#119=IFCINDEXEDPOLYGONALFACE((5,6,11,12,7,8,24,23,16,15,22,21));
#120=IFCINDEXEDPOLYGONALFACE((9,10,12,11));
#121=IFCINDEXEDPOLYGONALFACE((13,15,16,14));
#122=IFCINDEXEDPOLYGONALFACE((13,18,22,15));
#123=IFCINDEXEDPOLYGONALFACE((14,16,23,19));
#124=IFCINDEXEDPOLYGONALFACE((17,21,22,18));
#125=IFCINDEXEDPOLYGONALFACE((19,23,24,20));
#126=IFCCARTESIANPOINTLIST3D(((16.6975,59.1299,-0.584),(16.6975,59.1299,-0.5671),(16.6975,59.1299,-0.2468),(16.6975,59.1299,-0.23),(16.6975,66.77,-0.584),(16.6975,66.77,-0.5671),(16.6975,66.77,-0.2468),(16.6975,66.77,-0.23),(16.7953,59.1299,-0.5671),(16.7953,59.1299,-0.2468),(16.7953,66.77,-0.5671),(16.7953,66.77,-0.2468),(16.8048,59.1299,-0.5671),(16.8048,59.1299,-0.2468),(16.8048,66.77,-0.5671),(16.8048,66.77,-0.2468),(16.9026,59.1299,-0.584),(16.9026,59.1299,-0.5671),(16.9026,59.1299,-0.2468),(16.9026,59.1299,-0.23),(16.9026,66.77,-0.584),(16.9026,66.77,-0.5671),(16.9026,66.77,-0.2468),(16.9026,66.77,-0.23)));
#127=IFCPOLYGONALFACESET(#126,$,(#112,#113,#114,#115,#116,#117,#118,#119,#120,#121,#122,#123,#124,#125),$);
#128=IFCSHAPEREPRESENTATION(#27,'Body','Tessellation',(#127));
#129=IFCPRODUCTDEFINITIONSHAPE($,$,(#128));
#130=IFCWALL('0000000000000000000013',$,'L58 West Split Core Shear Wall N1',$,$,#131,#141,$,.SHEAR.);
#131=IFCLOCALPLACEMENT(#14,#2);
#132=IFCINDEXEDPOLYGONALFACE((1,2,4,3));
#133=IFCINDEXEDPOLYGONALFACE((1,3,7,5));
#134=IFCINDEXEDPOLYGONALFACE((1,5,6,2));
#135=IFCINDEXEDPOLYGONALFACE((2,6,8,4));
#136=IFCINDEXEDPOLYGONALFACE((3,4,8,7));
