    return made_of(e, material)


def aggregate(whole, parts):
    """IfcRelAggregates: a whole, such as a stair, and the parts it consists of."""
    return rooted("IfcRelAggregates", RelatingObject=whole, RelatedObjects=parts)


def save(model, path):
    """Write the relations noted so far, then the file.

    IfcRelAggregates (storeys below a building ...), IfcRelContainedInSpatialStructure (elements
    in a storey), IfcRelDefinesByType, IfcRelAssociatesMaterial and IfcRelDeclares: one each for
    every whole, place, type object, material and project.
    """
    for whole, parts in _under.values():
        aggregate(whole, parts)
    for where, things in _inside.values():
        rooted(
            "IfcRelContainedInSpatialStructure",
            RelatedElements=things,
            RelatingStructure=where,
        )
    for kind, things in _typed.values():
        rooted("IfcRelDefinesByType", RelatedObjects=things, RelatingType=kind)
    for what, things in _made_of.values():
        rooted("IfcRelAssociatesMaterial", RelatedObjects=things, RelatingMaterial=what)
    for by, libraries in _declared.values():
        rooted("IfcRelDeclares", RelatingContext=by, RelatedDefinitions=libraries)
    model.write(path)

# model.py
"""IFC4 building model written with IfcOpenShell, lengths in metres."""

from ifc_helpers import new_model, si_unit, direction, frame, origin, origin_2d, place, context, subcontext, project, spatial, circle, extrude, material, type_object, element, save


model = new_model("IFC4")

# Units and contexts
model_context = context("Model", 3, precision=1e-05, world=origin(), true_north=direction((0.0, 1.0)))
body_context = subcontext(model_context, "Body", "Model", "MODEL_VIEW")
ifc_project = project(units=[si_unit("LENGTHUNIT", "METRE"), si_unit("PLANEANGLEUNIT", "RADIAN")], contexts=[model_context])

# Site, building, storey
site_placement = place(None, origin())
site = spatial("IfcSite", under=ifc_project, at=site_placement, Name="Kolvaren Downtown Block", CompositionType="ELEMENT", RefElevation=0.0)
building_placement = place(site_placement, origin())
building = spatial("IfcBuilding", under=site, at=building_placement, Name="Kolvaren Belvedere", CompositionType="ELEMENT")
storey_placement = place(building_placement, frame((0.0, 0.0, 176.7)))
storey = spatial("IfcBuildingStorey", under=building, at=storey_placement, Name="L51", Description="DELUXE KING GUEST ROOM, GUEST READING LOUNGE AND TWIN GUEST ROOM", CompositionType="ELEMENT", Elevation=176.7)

> **Activity**
Check each line of the material for the word "IfcRelAggregates", then say how many have it. Give the number only.

> **Written response**
3